MATERIAL FOR THIS EXERCISE:

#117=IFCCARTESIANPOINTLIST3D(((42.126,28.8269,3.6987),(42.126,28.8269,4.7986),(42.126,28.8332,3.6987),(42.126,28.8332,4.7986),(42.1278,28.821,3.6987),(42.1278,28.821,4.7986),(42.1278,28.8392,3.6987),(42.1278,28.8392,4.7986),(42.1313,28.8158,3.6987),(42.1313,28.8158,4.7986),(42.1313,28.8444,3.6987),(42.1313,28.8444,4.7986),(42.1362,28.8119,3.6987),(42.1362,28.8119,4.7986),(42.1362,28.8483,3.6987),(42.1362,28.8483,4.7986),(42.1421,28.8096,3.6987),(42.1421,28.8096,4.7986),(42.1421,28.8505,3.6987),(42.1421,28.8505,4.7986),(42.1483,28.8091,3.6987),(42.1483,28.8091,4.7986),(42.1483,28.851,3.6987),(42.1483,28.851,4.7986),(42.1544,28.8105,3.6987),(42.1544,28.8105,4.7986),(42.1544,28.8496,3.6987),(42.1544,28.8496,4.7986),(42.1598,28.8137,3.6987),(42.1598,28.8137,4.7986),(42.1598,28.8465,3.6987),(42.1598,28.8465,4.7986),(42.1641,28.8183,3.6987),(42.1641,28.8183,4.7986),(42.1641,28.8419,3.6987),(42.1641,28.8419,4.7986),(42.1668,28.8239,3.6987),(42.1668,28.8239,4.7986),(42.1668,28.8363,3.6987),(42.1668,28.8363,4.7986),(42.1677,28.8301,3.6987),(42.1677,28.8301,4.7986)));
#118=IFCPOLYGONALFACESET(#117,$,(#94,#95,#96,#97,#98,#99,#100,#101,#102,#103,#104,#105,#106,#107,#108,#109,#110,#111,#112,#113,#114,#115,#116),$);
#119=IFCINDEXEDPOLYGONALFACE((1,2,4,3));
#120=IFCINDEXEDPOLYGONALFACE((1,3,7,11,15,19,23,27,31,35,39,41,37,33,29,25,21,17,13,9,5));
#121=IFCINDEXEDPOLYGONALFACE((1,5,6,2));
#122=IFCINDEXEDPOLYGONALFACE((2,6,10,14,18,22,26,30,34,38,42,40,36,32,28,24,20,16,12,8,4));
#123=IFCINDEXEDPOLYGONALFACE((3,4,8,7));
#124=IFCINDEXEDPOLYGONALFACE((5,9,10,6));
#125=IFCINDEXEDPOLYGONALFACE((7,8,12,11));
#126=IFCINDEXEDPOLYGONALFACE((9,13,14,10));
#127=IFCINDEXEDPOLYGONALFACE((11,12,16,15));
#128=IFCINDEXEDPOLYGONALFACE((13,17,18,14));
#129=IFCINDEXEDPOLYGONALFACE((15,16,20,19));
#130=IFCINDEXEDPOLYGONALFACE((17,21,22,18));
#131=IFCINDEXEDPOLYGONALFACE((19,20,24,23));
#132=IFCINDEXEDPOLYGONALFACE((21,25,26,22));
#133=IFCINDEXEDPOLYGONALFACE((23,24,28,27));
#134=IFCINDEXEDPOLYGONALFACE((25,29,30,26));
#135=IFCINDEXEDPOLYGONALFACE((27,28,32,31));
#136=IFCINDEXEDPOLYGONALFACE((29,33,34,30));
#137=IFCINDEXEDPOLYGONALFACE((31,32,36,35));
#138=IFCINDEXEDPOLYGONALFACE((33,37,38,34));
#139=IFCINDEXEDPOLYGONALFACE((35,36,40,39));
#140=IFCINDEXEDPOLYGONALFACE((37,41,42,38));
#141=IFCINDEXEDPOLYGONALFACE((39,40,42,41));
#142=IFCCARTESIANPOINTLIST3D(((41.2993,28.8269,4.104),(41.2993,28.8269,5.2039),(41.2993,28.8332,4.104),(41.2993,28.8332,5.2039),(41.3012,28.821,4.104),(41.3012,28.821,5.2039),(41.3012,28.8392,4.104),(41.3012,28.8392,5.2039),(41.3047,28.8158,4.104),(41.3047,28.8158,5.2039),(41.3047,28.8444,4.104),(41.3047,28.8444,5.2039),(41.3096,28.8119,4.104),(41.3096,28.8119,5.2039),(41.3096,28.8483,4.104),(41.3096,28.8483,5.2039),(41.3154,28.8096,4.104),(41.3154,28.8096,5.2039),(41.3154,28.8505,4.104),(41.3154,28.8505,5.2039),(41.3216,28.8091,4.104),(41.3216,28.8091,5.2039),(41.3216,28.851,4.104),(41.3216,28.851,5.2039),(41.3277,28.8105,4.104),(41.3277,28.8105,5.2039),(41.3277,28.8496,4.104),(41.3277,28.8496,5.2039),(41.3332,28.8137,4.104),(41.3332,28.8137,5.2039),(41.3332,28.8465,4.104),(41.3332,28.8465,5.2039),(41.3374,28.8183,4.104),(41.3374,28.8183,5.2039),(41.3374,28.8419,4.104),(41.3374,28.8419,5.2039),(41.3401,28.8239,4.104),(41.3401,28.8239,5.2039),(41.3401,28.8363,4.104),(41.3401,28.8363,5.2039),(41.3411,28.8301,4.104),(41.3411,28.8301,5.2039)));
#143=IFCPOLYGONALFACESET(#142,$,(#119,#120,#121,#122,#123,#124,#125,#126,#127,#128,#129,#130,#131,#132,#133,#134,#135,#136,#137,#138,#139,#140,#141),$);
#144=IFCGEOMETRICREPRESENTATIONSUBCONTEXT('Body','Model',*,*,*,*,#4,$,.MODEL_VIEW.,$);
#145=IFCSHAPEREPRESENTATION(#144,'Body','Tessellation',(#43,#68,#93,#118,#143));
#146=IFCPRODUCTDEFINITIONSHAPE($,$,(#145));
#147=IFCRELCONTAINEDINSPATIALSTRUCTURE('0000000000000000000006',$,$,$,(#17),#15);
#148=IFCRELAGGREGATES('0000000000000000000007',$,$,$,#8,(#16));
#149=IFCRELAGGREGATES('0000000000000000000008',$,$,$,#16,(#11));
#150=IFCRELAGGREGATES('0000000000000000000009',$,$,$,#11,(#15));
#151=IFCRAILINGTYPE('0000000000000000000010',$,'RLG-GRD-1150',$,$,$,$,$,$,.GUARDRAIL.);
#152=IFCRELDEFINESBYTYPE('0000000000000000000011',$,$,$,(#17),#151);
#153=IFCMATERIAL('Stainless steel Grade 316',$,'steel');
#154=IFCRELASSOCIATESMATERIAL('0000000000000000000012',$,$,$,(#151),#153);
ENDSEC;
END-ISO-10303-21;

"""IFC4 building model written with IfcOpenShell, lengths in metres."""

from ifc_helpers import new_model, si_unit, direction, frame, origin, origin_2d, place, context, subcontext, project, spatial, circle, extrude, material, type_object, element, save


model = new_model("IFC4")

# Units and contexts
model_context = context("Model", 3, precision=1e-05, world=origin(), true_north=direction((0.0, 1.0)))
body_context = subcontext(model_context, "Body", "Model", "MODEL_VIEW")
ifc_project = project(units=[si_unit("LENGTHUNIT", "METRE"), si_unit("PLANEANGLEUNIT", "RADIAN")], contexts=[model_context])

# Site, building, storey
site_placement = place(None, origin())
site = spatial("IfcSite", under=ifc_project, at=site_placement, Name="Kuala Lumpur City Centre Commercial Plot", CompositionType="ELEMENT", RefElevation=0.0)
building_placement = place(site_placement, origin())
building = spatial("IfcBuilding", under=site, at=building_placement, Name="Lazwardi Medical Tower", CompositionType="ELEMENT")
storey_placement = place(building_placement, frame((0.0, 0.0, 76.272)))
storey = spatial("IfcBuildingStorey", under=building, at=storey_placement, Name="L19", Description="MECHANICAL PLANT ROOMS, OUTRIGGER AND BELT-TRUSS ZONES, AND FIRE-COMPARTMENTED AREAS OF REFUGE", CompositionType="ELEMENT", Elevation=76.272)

==

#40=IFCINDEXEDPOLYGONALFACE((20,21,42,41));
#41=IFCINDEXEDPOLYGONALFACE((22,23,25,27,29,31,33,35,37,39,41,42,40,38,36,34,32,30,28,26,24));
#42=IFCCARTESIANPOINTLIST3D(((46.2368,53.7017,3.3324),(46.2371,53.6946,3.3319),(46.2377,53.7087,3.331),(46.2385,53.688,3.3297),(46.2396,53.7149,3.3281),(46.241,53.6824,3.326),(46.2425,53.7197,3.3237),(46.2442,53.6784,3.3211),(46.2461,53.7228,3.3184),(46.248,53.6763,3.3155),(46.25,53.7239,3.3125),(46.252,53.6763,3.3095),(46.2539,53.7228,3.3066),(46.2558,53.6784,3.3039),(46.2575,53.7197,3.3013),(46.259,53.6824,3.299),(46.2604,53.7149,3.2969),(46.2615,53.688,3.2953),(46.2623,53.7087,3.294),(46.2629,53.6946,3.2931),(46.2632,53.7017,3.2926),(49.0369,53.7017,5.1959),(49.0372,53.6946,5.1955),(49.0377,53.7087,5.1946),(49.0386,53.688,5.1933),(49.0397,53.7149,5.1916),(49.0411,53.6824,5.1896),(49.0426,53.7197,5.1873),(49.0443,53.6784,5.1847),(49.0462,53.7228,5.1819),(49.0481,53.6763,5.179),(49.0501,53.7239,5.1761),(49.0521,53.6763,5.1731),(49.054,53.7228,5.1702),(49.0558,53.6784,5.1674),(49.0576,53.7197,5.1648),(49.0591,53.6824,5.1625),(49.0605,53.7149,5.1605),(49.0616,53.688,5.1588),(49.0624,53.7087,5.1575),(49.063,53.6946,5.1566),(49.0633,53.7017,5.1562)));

WHAT TO WORK ON: Which of the lines in the material carry the string "frame"? Pull them out.

SOLUTION FOR THIS EXERCISE:
from ifc_helpers import new_model, si_unit, direction, frame, origin, origin_2d, place, context, subcontext, project, spatial, circle, extrude, material, type_object, element, save
storey_placement = place(building_placement, frame((0.0, 0.0, 76.272)))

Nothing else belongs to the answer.